» EXERCISE DETAILS
Begin at the top of the records and copy each line exactly. The line containing "#180=IFCINDEXEDPOLYGONALFACE((42,44,48,46));" is the last one to include.

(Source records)
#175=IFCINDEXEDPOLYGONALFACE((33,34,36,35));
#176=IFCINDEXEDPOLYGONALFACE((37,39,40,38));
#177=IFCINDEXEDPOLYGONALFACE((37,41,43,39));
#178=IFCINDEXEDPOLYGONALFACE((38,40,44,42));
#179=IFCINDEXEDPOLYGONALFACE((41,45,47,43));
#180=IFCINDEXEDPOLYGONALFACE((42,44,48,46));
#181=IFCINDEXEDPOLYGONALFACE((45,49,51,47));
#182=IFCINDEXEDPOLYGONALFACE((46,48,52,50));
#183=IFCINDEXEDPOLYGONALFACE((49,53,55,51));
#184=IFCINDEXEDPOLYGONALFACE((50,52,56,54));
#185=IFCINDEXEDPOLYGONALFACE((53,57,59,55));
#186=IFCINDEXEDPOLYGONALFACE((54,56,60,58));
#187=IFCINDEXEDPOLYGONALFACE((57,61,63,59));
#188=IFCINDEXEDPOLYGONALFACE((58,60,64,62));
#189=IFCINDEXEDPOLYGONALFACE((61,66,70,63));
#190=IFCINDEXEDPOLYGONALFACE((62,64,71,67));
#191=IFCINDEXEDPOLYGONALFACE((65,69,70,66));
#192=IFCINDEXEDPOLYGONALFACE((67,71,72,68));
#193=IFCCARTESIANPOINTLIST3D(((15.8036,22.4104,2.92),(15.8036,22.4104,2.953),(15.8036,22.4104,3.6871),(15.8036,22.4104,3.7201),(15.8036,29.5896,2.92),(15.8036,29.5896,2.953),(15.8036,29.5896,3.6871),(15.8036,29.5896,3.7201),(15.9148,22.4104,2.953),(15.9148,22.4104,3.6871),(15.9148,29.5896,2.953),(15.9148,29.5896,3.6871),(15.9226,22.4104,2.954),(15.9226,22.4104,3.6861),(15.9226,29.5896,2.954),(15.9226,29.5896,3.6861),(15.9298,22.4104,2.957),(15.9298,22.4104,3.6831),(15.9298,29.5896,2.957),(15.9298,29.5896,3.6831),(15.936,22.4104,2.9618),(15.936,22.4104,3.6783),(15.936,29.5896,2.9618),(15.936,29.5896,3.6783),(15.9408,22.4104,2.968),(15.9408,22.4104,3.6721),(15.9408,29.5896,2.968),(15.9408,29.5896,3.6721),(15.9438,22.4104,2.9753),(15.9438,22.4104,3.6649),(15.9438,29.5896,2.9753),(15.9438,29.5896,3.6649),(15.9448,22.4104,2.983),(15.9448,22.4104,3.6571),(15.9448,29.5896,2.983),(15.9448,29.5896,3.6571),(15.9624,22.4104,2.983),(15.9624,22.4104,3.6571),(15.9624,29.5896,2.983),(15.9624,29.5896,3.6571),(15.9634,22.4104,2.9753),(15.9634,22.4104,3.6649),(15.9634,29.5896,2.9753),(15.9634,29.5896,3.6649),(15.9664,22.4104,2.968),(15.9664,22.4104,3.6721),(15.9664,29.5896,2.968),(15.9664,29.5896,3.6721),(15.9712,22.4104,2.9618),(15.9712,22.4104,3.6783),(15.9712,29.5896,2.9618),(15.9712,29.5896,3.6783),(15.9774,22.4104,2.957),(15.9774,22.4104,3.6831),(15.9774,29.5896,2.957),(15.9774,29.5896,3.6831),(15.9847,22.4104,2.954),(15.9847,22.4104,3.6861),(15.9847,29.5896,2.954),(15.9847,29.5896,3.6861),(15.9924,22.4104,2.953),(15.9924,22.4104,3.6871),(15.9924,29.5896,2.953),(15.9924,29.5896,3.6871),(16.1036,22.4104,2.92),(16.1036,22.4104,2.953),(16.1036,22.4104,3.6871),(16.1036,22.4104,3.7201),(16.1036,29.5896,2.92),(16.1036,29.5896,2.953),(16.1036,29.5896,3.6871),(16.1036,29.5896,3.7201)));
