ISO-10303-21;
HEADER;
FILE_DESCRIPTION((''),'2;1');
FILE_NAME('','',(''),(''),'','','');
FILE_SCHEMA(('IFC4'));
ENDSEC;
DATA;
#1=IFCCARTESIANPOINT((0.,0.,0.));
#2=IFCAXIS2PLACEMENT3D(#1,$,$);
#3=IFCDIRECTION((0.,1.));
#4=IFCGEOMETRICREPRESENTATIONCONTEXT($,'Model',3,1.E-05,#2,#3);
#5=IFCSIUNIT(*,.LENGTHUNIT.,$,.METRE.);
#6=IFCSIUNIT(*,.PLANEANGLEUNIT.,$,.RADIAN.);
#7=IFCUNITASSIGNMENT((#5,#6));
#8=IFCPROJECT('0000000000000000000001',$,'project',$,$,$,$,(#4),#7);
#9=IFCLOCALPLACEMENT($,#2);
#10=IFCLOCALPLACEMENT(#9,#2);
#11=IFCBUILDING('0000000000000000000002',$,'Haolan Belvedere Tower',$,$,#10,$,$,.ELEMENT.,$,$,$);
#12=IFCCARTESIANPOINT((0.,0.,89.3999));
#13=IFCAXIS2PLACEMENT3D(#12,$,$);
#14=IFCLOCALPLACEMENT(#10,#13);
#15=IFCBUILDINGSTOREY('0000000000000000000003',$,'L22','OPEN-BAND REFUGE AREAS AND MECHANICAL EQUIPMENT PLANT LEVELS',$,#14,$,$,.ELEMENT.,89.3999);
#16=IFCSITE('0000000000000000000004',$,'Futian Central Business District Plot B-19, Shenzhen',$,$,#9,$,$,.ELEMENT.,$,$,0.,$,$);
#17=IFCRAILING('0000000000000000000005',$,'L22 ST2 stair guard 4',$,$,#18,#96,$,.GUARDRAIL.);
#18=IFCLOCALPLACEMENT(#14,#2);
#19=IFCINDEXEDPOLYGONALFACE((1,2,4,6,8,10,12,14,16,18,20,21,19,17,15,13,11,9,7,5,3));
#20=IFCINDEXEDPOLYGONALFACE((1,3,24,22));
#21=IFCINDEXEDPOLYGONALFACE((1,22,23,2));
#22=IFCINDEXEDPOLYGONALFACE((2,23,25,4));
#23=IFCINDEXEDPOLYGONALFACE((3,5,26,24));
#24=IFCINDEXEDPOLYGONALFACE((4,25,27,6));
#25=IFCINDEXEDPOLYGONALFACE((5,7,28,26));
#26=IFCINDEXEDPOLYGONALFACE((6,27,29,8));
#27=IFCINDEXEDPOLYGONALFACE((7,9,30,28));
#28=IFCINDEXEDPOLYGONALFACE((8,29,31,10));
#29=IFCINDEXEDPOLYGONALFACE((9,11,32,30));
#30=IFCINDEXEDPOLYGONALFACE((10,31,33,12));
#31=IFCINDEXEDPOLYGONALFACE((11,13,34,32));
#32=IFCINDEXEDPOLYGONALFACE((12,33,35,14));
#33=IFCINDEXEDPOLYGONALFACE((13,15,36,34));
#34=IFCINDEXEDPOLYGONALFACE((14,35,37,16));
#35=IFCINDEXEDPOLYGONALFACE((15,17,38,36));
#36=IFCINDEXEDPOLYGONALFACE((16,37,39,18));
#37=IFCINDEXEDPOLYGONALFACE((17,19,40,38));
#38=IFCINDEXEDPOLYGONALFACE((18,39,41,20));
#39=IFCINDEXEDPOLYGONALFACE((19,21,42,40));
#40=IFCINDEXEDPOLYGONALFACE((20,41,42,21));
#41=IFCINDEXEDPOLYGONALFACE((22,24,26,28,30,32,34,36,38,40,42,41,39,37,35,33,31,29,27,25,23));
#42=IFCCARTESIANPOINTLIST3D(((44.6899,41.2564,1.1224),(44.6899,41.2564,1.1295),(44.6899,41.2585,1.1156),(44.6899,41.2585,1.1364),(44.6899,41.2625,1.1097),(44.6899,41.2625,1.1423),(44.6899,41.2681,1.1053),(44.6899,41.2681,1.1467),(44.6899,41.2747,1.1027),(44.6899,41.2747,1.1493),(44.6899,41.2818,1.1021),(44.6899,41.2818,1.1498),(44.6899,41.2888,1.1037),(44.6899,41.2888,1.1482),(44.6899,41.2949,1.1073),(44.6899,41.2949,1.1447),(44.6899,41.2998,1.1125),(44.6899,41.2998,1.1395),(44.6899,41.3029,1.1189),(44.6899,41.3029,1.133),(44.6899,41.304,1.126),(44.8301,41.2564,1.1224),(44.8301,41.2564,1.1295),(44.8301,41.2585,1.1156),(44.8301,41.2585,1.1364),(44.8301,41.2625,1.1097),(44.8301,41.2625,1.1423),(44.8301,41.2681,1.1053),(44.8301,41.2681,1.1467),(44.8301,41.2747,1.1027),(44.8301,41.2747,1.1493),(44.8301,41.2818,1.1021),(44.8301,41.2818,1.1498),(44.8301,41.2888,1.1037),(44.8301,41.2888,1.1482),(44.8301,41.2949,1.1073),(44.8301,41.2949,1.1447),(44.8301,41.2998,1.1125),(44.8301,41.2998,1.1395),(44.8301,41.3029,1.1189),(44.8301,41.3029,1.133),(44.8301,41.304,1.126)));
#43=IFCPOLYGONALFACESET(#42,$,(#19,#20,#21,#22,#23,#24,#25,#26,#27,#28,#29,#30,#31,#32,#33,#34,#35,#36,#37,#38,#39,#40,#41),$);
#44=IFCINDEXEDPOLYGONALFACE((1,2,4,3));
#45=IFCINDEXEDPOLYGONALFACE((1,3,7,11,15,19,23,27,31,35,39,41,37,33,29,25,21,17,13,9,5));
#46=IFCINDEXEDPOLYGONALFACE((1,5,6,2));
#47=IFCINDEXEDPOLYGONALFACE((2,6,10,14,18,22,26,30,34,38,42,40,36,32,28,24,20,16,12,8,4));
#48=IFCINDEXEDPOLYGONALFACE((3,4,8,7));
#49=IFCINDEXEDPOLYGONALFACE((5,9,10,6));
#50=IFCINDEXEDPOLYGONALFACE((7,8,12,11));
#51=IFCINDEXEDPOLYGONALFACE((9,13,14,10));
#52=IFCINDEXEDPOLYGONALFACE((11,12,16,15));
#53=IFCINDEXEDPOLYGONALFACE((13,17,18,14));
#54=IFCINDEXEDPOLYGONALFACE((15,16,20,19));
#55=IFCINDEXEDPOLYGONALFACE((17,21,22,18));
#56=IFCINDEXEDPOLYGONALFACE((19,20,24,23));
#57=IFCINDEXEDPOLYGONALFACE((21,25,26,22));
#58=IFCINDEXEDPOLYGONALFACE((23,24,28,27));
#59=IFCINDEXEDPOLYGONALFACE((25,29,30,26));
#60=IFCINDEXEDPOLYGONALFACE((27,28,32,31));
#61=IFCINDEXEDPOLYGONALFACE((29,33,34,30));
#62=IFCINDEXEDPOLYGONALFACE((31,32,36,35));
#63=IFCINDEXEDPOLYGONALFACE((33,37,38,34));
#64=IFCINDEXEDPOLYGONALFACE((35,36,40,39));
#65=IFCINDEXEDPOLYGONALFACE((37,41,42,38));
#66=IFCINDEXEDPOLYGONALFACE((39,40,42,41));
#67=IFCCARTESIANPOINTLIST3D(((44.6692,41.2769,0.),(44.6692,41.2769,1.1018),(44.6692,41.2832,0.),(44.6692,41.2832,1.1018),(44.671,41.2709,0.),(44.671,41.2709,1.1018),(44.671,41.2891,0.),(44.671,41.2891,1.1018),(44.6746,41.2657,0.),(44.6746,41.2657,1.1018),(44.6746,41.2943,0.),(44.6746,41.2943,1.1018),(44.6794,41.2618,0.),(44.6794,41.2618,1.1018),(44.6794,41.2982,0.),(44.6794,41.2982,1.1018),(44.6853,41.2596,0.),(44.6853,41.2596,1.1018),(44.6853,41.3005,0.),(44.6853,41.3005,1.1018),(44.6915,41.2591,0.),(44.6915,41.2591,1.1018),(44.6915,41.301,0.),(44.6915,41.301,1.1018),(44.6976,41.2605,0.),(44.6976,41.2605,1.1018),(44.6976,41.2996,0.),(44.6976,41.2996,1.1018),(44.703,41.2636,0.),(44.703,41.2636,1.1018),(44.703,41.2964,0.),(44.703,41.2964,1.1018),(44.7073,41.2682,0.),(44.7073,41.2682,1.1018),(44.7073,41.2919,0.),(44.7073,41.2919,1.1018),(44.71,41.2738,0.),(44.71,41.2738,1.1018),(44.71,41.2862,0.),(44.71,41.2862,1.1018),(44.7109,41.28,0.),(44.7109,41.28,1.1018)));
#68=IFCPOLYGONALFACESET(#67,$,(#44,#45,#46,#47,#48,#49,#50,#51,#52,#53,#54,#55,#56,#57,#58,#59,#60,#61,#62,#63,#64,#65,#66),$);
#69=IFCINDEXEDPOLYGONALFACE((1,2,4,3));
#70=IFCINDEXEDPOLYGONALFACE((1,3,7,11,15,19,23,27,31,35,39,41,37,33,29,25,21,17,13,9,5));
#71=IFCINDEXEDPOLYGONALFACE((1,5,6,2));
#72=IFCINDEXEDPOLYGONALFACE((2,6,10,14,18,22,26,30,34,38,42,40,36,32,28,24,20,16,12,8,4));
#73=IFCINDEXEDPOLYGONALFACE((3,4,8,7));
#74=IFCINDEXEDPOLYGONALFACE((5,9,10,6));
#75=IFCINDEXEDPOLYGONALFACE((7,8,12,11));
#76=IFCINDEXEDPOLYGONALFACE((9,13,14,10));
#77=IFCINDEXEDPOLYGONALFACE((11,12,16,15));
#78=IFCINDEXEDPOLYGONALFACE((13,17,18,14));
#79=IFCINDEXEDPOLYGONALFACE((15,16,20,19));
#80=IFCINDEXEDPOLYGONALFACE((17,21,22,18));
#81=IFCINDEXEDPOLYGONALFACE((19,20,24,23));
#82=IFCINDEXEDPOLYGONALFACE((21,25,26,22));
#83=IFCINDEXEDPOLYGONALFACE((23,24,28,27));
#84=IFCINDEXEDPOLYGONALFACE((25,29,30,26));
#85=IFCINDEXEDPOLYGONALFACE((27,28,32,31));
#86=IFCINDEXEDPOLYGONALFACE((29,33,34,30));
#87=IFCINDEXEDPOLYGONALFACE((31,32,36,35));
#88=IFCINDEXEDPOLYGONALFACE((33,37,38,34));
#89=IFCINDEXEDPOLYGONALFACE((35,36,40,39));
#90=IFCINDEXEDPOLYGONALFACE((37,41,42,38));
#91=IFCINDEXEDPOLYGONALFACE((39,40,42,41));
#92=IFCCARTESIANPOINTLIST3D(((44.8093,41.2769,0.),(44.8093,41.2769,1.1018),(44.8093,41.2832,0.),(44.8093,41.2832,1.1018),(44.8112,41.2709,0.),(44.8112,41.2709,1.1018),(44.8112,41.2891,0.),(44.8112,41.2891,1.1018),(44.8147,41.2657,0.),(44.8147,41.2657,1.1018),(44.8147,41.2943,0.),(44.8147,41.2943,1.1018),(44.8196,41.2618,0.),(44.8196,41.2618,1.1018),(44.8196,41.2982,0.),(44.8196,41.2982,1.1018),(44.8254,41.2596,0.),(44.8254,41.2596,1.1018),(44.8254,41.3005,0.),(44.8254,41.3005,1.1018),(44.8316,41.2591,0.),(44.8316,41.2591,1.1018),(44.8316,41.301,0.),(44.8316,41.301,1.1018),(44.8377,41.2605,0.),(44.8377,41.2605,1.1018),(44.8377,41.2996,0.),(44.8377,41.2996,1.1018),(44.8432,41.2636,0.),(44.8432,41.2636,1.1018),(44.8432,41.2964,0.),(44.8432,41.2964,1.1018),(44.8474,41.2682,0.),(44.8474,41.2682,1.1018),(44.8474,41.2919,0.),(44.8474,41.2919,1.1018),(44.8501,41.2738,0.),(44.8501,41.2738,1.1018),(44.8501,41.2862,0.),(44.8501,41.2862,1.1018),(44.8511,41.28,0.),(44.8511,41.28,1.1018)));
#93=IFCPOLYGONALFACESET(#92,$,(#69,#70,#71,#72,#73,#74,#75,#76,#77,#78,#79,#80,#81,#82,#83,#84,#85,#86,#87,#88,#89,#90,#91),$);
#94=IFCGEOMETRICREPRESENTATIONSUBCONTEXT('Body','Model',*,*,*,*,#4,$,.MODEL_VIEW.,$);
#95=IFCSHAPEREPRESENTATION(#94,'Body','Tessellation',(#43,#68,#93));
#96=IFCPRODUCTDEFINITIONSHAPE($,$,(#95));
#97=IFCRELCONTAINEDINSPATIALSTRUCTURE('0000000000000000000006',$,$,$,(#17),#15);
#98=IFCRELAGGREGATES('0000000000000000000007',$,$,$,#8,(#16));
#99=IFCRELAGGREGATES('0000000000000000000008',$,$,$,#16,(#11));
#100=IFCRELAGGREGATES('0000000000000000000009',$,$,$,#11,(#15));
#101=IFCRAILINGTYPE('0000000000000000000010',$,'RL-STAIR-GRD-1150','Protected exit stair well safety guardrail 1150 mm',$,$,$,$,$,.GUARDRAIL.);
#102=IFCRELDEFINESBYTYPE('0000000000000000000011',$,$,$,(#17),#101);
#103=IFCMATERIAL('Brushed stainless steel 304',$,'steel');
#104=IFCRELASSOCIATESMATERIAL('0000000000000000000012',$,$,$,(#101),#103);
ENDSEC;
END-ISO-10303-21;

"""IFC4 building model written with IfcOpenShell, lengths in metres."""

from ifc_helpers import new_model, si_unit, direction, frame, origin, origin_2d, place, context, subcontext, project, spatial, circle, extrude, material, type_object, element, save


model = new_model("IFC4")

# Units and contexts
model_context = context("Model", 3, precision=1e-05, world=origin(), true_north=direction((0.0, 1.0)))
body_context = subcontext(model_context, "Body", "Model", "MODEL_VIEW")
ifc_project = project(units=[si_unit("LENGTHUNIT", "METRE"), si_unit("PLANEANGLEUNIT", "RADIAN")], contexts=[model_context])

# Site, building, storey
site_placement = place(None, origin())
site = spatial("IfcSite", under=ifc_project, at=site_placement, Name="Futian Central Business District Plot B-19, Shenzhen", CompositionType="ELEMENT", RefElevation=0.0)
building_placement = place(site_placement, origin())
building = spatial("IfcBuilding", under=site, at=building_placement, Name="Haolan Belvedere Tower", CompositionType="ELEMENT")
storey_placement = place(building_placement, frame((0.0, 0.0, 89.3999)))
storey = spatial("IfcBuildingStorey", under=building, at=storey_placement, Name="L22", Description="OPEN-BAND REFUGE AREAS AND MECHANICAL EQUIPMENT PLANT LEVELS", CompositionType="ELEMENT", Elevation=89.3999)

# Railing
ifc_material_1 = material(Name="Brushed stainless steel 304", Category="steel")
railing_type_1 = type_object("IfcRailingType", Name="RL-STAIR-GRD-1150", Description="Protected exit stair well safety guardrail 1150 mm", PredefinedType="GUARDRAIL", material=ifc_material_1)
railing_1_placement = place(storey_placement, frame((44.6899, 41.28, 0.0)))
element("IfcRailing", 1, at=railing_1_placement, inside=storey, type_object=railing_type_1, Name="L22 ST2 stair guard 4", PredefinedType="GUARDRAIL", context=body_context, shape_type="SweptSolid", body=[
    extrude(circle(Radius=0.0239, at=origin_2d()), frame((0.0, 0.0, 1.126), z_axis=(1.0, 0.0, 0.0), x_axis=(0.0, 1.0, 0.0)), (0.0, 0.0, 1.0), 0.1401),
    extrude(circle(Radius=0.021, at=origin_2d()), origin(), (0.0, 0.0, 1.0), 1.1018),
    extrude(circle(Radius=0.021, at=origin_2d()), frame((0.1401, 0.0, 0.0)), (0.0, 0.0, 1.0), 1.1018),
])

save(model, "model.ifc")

» RESPONSE TO THE EXERCISE
#175=IFCINDEXEDPOLYGONALFACE((33,34,36,35));
#176=IFCINDEXEDPOLYGONALFACE((37,39,40,38));
#177=IFCINDEXEDPOLYGONALFACE((37,41,43,39));
#178=IFCINDEXEDPOLYGONALFACE((38,40,44,42));
#179=IFCINDEXEDPOLYGONALFACE((41,45,47,43));
#180=IFCINDEXEDPOLYGONALFACE((42,44,48,46));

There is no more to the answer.